**LISTED RECORDS:**
>>>
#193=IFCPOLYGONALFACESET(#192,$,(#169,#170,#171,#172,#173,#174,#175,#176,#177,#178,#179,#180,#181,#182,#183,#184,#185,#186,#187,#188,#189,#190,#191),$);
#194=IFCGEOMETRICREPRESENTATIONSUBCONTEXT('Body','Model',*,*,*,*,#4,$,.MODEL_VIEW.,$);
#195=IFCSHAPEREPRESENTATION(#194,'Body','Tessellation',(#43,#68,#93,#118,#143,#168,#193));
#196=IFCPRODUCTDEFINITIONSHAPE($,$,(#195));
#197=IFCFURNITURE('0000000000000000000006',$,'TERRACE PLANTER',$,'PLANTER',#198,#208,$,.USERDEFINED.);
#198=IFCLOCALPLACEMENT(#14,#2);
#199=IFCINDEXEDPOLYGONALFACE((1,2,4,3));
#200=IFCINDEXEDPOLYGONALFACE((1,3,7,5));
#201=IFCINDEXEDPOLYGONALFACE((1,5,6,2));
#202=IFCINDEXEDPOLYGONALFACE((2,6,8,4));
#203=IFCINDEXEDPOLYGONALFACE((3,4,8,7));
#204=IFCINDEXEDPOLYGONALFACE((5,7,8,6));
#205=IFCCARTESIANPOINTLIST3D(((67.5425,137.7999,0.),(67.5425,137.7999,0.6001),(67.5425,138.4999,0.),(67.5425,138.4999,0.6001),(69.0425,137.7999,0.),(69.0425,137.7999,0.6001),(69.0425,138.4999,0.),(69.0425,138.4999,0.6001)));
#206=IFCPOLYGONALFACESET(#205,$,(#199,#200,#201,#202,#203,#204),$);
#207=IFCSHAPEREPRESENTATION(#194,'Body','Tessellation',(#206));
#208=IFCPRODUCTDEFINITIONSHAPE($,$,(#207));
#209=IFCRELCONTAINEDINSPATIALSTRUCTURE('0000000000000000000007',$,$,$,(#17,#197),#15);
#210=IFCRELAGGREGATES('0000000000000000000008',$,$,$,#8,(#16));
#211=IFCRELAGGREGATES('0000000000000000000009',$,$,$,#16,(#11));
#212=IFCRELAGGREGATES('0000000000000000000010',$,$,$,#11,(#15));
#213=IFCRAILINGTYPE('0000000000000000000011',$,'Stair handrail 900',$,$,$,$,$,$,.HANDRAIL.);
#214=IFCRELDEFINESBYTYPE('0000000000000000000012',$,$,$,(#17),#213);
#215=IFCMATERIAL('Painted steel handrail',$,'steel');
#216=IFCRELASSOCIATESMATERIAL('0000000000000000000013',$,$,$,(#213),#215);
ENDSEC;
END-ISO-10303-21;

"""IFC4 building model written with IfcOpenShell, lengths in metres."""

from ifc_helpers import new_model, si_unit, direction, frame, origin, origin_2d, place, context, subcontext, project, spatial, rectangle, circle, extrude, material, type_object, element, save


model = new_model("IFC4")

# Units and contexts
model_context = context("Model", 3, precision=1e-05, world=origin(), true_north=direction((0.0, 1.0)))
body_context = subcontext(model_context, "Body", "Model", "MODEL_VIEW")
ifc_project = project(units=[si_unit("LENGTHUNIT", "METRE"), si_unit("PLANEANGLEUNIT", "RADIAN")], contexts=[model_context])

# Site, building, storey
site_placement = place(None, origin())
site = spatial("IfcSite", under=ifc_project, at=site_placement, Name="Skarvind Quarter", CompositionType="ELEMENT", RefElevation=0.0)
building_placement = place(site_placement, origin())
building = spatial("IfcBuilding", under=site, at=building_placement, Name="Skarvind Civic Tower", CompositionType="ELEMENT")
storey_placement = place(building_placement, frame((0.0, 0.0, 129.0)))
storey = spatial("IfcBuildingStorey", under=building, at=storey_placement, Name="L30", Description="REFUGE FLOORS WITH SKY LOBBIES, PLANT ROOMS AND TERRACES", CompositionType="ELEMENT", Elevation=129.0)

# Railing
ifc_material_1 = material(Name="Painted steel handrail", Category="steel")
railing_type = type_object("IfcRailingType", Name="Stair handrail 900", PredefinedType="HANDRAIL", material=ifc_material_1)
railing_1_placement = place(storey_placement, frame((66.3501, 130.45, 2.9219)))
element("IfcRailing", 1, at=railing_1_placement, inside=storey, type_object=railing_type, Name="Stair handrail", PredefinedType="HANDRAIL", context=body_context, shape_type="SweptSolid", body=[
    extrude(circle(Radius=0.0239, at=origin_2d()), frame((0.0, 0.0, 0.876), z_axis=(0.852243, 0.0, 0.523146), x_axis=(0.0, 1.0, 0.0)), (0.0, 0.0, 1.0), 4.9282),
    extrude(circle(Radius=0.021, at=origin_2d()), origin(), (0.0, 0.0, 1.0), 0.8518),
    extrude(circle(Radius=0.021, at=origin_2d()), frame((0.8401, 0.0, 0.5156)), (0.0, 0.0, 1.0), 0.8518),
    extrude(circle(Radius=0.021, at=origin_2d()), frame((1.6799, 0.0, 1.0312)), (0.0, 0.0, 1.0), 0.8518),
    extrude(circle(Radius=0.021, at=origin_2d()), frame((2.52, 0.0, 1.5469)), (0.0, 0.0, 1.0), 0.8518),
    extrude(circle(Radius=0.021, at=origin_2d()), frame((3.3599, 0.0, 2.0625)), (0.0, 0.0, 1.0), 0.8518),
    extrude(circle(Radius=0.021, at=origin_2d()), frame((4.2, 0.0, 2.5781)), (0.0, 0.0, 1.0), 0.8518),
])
<<<
>>>
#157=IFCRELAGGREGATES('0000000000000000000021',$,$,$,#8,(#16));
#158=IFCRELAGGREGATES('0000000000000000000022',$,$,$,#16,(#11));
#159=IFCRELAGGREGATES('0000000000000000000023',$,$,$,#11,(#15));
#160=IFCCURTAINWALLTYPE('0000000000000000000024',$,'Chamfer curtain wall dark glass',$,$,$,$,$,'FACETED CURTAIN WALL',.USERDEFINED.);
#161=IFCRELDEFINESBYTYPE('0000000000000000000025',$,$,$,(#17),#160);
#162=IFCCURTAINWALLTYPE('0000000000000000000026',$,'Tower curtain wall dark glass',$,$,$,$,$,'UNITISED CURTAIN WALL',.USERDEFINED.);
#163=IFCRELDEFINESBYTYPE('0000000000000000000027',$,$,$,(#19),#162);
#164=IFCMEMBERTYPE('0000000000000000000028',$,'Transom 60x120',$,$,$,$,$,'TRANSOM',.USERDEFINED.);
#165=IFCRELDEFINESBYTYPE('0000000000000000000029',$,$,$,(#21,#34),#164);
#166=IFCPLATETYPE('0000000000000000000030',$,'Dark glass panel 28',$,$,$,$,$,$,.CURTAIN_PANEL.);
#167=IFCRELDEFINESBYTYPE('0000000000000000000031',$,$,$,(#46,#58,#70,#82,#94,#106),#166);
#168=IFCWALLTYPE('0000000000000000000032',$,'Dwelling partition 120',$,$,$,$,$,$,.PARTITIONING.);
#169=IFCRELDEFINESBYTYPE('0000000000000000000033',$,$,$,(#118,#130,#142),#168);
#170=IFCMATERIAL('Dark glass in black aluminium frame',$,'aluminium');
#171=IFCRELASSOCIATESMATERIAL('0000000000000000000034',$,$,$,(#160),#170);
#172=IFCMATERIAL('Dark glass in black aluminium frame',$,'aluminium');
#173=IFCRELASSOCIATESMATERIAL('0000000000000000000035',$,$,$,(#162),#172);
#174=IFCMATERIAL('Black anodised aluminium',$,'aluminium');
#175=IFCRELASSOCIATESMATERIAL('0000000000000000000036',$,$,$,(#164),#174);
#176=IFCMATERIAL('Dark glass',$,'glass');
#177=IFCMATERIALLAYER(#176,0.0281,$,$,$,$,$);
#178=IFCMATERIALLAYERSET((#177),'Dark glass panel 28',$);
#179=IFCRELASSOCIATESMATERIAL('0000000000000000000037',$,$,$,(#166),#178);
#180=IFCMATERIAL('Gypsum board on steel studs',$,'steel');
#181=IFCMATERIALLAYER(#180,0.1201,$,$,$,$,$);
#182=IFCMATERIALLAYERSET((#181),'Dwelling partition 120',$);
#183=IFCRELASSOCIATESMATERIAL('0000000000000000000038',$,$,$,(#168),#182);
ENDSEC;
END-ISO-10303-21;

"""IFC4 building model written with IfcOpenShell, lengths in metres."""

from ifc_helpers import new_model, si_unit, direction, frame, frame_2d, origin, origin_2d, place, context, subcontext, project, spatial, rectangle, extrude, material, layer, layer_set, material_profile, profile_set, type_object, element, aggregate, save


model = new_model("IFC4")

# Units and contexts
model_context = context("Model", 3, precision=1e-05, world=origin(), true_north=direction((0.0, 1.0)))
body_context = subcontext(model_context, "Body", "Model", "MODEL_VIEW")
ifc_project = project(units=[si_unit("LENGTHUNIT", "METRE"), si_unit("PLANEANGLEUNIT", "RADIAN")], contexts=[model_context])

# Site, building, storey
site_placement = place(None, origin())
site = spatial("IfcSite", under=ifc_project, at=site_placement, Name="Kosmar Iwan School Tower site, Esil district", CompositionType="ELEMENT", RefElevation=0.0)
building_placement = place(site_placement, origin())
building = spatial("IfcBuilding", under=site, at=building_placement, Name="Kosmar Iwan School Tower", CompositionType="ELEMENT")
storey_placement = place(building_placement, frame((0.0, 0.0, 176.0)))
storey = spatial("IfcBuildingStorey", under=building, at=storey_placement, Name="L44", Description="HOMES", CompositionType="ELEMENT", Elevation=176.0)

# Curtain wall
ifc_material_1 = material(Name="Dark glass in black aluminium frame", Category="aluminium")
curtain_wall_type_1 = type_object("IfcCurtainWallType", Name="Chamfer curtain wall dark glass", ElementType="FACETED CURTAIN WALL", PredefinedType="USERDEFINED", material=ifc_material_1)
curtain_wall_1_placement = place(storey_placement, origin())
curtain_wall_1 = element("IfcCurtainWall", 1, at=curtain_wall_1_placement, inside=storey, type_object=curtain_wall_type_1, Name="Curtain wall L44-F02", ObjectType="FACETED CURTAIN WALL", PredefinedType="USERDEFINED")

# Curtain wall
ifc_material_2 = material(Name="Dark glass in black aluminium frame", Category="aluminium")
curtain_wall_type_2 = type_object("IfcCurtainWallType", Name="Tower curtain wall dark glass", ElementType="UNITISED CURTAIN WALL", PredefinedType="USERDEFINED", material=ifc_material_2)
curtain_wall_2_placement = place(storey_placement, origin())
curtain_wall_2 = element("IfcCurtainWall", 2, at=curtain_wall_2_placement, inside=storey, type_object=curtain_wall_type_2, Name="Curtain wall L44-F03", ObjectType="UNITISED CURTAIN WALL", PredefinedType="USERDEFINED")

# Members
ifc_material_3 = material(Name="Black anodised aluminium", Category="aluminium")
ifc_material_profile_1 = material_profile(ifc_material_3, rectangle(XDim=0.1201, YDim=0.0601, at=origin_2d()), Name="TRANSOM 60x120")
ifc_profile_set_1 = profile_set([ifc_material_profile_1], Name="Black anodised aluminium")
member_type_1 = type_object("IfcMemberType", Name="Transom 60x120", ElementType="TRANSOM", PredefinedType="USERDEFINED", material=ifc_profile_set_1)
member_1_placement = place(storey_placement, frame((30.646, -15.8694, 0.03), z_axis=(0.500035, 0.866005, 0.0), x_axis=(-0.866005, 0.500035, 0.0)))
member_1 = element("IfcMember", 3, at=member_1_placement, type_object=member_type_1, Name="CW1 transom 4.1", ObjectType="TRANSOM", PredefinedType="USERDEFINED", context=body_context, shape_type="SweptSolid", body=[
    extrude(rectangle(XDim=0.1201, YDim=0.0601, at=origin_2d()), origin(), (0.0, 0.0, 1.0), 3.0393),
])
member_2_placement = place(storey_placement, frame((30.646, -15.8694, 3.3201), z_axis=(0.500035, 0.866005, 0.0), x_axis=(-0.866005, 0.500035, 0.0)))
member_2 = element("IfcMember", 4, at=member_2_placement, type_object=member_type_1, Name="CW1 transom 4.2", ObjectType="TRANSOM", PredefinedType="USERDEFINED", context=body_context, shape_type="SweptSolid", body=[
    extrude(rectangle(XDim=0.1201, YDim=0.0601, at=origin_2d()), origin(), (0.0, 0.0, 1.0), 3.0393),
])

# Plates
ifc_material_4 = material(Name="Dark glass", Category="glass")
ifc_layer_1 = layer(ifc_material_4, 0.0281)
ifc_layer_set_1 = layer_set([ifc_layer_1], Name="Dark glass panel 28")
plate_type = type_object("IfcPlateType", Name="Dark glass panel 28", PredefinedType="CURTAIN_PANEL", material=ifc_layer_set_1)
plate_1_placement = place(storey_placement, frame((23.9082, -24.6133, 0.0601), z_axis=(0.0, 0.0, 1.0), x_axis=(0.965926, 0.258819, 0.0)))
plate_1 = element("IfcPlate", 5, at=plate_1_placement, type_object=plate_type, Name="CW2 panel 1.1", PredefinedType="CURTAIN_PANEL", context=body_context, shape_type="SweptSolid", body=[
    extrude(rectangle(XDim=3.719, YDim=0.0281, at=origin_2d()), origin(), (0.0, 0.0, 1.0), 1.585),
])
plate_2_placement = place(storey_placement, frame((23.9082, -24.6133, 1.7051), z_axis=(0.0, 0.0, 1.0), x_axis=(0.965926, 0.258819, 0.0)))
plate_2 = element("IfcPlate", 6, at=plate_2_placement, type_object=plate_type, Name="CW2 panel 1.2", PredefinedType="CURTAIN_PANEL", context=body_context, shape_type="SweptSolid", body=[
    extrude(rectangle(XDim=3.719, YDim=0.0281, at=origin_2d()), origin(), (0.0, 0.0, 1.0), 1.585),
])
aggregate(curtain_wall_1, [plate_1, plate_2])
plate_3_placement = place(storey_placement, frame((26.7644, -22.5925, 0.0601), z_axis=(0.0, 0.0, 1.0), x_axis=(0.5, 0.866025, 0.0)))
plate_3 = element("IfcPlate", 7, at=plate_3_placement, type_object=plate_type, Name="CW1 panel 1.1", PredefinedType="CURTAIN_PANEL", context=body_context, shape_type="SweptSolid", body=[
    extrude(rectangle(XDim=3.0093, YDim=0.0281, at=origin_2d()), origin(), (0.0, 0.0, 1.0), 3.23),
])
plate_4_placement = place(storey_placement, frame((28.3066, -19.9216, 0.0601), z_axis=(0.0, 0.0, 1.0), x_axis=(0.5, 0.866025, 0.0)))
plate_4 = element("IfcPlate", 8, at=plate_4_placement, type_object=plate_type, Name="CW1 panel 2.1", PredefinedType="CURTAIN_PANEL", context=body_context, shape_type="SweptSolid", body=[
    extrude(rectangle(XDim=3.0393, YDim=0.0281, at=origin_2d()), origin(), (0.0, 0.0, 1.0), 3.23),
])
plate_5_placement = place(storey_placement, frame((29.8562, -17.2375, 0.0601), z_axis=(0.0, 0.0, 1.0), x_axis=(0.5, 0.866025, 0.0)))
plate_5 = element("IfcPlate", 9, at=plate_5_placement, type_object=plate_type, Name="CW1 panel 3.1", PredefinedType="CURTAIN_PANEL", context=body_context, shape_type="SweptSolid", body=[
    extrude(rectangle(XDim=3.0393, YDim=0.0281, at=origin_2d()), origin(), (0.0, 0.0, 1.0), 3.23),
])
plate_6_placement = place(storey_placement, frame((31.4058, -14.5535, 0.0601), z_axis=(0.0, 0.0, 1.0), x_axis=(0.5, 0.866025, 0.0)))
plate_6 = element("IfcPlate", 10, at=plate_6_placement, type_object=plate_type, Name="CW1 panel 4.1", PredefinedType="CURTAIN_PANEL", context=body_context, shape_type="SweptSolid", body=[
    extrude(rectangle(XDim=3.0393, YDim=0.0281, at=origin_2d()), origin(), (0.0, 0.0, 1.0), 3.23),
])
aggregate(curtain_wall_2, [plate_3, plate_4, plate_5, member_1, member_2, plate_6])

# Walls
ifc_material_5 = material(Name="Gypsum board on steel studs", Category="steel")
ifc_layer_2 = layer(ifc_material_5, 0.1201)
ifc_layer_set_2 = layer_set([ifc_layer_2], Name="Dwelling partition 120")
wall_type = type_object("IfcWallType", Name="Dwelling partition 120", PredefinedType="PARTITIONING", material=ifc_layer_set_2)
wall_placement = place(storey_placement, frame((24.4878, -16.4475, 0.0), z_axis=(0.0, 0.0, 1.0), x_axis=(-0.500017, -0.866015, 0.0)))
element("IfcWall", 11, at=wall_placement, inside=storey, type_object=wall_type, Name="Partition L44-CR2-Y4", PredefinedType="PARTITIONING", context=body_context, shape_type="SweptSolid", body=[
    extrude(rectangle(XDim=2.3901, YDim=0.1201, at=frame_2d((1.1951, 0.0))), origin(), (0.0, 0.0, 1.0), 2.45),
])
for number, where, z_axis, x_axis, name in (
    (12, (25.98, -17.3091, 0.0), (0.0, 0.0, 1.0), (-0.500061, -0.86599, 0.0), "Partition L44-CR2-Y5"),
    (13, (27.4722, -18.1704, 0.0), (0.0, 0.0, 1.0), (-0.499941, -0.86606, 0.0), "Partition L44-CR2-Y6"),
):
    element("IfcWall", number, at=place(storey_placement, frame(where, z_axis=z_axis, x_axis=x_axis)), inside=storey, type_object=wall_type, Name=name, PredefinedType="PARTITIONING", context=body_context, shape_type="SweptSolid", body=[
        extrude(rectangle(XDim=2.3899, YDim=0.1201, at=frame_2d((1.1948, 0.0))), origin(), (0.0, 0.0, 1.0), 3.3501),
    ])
<<<
**INSTRUCTIONS FOR THE TASK:** Wherever the word "Tessellation" appears in the entries above, copy that line.

**REPLY TO THE TASK:**
#195=IFCSHAPEREPRESENTATION(#194,'Body','Tessellation',(#43,#68,#93,#118,#143,#168,#193));
#207=IFCSHAPEREPRESENTATION(#194,'Body','Tessellation',(#206));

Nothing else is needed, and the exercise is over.